**To do:** From the entries below, copy out every line with "IFCRELAGGREGATES" in it.

BEGIN Data for this task

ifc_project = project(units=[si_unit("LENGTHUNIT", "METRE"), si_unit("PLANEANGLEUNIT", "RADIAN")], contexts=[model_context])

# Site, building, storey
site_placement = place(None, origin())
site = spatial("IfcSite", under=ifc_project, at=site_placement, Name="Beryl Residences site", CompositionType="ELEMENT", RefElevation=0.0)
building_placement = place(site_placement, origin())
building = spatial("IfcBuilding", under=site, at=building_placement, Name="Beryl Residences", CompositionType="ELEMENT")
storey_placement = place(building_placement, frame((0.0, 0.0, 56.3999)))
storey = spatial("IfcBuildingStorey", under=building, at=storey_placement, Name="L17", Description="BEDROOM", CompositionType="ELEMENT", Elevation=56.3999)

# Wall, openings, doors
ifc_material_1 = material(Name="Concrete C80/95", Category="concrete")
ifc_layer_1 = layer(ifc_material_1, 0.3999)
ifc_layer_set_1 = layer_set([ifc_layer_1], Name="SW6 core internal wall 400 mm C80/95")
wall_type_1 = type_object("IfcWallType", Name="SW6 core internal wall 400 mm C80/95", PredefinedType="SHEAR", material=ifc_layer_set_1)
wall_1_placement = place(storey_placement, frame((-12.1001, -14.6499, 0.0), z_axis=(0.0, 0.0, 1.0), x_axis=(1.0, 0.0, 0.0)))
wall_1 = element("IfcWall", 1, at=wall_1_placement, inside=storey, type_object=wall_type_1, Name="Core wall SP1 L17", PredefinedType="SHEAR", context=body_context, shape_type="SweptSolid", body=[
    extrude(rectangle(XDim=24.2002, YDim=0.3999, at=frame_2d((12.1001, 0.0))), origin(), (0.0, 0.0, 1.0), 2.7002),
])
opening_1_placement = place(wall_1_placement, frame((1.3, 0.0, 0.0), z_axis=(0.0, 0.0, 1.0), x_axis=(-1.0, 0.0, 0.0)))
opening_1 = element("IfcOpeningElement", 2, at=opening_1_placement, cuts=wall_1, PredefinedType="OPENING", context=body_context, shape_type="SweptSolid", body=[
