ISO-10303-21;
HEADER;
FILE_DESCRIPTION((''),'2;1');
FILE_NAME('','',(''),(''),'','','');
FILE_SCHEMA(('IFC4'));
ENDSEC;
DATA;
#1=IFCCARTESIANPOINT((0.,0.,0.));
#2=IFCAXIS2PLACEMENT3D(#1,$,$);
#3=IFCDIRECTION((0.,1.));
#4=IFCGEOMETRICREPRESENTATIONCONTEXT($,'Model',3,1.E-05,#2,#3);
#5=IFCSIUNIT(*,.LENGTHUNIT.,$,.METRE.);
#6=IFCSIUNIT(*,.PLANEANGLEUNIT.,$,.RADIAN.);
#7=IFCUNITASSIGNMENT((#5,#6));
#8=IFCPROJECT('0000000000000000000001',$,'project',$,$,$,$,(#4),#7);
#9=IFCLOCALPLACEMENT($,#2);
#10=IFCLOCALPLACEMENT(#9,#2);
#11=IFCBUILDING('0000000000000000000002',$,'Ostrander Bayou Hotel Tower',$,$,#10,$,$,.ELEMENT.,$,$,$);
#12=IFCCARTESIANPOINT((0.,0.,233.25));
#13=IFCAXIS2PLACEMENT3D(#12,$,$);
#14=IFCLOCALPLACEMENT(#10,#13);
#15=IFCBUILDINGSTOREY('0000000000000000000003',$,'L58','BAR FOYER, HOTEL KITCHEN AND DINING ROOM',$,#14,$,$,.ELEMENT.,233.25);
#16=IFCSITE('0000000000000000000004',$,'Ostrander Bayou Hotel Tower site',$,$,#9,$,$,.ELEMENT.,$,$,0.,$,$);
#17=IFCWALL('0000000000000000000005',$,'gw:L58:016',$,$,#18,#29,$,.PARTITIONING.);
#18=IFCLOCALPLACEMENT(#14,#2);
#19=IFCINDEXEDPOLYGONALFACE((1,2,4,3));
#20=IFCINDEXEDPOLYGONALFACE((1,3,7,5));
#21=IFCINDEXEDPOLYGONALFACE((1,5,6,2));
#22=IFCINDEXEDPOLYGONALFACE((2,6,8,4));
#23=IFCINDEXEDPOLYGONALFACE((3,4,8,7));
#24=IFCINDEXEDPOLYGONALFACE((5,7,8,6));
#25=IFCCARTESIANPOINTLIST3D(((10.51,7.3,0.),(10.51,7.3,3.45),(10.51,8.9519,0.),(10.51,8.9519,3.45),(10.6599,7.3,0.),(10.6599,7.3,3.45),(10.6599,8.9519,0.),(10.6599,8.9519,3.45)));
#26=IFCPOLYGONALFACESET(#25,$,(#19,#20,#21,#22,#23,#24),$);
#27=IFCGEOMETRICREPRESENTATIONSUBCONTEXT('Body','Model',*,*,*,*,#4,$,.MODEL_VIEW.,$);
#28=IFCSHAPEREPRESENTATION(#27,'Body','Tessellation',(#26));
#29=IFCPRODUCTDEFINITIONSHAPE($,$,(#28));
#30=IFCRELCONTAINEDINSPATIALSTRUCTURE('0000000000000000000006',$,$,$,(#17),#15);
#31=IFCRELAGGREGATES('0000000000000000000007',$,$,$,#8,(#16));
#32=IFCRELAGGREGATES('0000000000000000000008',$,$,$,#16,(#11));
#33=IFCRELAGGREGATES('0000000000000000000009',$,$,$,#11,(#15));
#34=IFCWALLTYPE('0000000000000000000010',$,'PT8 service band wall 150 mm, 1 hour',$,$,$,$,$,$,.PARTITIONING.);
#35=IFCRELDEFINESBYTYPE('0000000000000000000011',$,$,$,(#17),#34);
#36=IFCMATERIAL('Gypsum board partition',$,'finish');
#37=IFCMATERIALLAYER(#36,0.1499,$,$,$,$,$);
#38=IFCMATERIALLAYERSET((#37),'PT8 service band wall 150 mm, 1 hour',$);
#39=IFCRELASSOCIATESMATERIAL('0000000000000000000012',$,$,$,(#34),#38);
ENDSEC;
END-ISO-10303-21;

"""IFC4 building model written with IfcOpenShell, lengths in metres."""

from ifc_helpers import new_model, si_unit, direction, frame, frame_2d, origin, place, context, subcontext, project, spatial, rectangle, extrude, material, layer, layer_set, type_object, element, save


model = new_model("IFC4")

# Units and contexts
model_context = context("Model", 3, precision=1e-05, world=origin(), true_north=direction((0.0, 1.0)))
body_context = subcontext(model_context, "Body", "Model", "MODEL_VIEW")
ifc_project = project(units=[si_unit("LENGTHUNIT", "METRE"), si_unit("PLANEANGLEUNIT", "RADIAN")], contexts=[model_context])

# Site, building, storey
site_placement = place(None, origin())
site = spatial("IfcSite", under=ifc_project, at=site_placement, Name="Ostrander Bayou Hotel Tower site", CompositionType="ELEMENT", RefElevation=0.0)
building_placement = place(site_placement, origin())
building = spatial("IfcBuilding", under=site, at=building_placement, Name="Ostrander Bayou Hotel Tower", CompositionType="ELEMENT")
storey_placement = place(building_placement, frame((0.0, 0.0, 233.25)))
storey = spatial("IfcBuildingStorey", under=building, at=storey_placement, Name="L58", Description="BAR FOYER, HOTEL KITCHEN AND DINING ROOM", CompositionType="ELEMENT", Elevation=233.25)

# Wall
ifc_material_1 = material(Name="Gypsum board partition", Category="finish")
ifc_layer_1 = layer(ifc_material_1, 0.1499)
ifc_layer_set_1 = layer_set([ifc_layer_1], Name="PT8 service band wall 150 mm, 1 hour")
wall_type_1 = type_object("IfcWallType", Name="PT8 service band wall 150 mm, 1 hour", PredefinedType="PARTITIONING", material=ifc_layer_set_1)
wall_1_placement = place(storey_placement, frame((10.585, 7.3, 0.0), z_axis=(0.0, 0.0, 1.0), x_axis=(0.0, 1.0, 0.0)))
element("IfcWall", 1, at=wall_1_placement, inside=storey, type_object=wall_type_1, Name="gw:L58:016", PredefinedType="PARTITIONING", context=body_context, shape_type="SweptSolid", body=[
    extrude(rectangle(XDim=1.6519, YDim=0.1499, at=frame_2d((0.8259, 0.0))), origin(), (0.0, 0.0, 1.0), 3.45),
])

save(model, "model.ifc")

END Data for this task

**Your response:**
#31=IFCRELAGGREGATES('0000000000000000000007',$,$,$,#8,(#16));
#32=IFCRELAGGREGATES('0000000000000000000008',$,$,$,#16,(#11));
#33=IFCRELAGGREGATES('0000000000000000000009',$,$,$,#11,(#15));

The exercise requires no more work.